TASK REQUIREMENTS → Lines in the entries below where the word "Name" shows up should each be copied.

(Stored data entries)
——————

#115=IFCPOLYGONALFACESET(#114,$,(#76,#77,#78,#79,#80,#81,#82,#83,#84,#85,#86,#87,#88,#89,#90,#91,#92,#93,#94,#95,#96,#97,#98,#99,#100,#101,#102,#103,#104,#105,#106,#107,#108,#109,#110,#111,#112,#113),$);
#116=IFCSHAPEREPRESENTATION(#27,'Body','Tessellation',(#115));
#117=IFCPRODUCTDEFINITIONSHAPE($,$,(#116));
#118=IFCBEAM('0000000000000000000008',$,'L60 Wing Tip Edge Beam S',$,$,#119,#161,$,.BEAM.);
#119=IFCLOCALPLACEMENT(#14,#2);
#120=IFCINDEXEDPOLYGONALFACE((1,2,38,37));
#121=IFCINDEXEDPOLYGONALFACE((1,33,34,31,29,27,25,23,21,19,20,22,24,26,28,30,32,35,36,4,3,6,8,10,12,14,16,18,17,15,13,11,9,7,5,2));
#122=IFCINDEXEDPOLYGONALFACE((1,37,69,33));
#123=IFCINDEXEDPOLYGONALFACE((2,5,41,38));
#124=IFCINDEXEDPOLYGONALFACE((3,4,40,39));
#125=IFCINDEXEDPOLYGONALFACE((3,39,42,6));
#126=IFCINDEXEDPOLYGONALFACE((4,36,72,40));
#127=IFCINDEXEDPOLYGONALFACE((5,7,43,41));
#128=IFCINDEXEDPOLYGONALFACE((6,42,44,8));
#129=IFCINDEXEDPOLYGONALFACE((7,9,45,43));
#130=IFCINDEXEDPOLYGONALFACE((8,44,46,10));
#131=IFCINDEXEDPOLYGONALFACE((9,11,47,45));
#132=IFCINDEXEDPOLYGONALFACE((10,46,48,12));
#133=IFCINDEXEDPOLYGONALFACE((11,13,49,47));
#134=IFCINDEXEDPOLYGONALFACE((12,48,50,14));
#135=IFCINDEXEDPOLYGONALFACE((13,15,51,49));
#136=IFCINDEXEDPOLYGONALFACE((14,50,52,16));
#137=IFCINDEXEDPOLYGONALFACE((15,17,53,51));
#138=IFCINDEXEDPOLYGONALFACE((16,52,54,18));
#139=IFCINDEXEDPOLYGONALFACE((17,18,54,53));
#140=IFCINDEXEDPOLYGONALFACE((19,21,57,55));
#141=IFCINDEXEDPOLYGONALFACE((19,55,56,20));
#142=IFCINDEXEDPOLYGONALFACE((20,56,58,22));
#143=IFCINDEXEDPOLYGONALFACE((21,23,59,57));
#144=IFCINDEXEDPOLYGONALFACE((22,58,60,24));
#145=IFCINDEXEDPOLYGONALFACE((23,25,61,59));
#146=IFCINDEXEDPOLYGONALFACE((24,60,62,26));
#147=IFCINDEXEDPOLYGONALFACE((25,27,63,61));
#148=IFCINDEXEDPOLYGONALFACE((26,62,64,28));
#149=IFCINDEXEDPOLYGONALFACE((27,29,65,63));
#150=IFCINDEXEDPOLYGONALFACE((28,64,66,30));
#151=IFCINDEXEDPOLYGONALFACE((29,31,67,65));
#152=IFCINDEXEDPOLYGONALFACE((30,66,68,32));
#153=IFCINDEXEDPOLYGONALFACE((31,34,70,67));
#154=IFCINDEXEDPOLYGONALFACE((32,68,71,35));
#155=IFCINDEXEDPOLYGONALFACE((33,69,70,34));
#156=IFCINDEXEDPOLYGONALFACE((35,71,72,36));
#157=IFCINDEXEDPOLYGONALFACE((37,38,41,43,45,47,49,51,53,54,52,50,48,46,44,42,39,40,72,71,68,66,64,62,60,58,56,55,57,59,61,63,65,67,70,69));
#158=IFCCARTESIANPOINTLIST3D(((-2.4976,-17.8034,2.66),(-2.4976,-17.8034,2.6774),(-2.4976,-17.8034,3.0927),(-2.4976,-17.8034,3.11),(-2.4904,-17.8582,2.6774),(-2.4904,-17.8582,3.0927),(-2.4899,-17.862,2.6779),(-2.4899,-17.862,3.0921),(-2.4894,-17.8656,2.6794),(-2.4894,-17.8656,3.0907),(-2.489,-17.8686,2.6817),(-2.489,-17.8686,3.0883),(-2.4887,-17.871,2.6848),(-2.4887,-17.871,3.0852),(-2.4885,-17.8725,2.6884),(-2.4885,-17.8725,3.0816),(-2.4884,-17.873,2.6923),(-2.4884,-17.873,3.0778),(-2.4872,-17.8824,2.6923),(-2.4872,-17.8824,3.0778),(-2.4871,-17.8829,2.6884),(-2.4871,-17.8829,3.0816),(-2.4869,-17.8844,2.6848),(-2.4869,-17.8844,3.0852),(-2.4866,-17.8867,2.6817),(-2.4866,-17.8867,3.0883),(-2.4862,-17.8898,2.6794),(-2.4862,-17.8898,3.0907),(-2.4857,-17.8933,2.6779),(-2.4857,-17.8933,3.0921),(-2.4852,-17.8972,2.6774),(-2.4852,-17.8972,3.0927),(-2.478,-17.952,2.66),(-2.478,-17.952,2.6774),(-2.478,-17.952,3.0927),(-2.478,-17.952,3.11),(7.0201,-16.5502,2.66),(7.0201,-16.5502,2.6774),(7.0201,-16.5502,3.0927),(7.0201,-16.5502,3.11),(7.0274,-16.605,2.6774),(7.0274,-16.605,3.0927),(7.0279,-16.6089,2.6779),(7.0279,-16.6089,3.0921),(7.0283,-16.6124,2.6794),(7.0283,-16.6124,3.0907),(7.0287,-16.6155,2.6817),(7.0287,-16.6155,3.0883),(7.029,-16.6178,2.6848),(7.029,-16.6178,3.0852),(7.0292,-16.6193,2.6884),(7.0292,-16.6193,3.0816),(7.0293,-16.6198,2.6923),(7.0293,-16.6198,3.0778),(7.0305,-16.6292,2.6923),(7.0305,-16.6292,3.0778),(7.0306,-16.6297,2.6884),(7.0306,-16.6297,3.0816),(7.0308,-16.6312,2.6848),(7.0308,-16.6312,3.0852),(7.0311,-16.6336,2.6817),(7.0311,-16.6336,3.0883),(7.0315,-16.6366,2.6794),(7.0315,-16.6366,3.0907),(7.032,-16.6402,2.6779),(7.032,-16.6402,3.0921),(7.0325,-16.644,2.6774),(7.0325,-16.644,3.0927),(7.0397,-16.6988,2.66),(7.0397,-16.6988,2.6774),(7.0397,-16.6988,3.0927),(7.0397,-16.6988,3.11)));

——————

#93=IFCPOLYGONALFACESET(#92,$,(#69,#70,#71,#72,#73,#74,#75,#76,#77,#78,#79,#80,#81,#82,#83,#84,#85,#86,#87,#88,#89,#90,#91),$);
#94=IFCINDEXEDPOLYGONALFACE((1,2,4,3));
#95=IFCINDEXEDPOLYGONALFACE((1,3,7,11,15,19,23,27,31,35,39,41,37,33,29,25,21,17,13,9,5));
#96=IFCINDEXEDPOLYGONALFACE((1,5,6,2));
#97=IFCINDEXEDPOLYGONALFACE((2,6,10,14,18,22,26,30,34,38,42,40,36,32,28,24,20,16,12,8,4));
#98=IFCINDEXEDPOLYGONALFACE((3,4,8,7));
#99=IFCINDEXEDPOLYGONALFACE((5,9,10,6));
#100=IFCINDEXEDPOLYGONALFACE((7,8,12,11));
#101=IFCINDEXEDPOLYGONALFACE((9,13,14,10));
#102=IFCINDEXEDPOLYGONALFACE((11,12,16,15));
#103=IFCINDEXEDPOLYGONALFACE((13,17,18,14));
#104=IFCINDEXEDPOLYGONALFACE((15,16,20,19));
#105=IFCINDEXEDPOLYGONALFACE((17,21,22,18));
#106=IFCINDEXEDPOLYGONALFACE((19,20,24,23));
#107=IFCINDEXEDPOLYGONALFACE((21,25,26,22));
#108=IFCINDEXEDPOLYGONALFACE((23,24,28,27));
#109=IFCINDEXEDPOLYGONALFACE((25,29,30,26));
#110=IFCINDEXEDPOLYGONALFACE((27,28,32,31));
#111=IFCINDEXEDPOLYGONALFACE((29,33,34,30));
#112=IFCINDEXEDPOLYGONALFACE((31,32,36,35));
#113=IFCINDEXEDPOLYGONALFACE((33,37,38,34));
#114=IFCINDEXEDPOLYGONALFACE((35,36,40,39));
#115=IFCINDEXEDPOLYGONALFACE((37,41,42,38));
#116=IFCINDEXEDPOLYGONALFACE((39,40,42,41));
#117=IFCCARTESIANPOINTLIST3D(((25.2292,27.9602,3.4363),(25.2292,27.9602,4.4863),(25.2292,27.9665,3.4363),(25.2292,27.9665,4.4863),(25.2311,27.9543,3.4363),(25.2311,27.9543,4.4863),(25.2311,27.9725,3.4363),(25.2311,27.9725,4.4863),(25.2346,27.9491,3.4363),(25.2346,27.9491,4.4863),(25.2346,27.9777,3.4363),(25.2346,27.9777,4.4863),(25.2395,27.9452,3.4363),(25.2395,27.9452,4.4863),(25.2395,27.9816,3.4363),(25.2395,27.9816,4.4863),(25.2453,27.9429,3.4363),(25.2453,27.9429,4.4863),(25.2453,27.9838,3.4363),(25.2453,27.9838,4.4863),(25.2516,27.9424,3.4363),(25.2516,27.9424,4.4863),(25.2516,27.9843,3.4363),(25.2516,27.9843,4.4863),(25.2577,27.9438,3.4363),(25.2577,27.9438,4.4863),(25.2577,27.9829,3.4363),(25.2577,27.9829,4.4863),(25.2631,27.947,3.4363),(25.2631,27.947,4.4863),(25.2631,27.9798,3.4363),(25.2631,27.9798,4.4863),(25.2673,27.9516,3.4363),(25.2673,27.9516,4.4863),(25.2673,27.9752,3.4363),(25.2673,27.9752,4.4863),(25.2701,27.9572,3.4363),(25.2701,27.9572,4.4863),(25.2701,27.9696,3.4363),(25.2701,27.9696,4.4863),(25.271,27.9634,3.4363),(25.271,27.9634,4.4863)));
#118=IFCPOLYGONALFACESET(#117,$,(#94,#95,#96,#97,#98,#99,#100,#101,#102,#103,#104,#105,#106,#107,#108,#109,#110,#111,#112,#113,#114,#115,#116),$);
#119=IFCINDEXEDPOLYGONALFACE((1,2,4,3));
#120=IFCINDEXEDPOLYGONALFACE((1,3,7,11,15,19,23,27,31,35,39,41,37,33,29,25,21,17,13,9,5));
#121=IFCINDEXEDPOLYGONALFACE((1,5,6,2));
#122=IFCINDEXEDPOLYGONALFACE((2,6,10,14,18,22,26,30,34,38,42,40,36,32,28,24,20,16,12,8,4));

——————

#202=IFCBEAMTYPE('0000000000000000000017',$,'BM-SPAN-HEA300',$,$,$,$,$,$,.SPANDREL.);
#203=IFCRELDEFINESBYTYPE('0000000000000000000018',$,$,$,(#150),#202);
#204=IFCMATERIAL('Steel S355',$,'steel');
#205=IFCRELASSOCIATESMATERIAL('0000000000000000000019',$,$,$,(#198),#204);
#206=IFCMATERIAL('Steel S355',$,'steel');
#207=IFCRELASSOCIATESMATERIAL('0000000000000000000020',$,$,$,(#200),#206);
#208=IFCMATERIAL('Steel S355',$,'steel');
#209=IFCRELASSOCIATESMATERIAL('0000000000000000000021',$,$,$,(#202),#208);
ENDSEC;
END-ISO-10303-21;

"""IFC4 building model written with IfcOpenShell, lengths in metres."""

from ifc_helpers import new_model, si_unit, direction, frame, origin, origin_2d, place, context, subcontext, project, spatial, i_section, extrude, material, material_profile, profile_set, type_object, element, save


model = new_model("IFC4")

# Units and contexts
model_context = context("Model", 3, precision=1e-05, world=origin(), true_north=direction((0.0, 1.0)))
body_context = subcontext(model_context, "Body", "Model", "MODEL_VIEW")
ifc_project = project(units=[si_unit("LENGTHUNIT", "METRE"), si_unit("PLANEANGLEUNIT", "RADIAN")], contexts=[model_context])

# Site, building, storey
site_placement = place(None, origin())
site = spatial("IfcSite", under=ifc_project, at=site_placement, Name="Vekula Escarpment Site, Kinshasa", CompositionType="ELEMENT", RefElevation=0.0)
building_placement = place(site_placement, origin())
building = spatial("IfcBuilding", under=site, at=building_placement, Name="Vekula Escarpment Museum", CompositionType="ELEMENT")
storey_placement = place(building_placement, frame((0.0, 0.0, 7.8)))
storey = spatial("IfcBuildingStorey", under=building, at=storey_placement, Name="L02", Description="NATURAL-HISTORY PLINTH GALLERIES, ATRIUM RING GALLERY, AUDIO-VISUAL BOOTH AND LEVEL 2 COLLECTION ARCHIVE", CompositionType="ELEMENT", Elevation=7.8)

——————

REPLY →
site = spatial("IfcSite", under=ifc_project, at=site_placement, Name="Vekula Escarpment Site, Kinshasa", CompositionType="ELEMENT", RefElevation=0.0)
building = spatial("IfcBuilding", under=site, at=building_placement, Name="Vekula Escarpment Museum", CompositionType="ELEMENT")
storey = spatial("IfcBuildingStorey", under=building, at=storey_placement, Name="L02", Description="NATURAL-HISTORY PLINTH GALLERIES, ATRIUM RING GALLERY, AUDIO-VISUAL BOOTH AND LEVEL 2 COLLECTION ARCHIVE", CompositionType="ELEMENT", Elevation=7.8)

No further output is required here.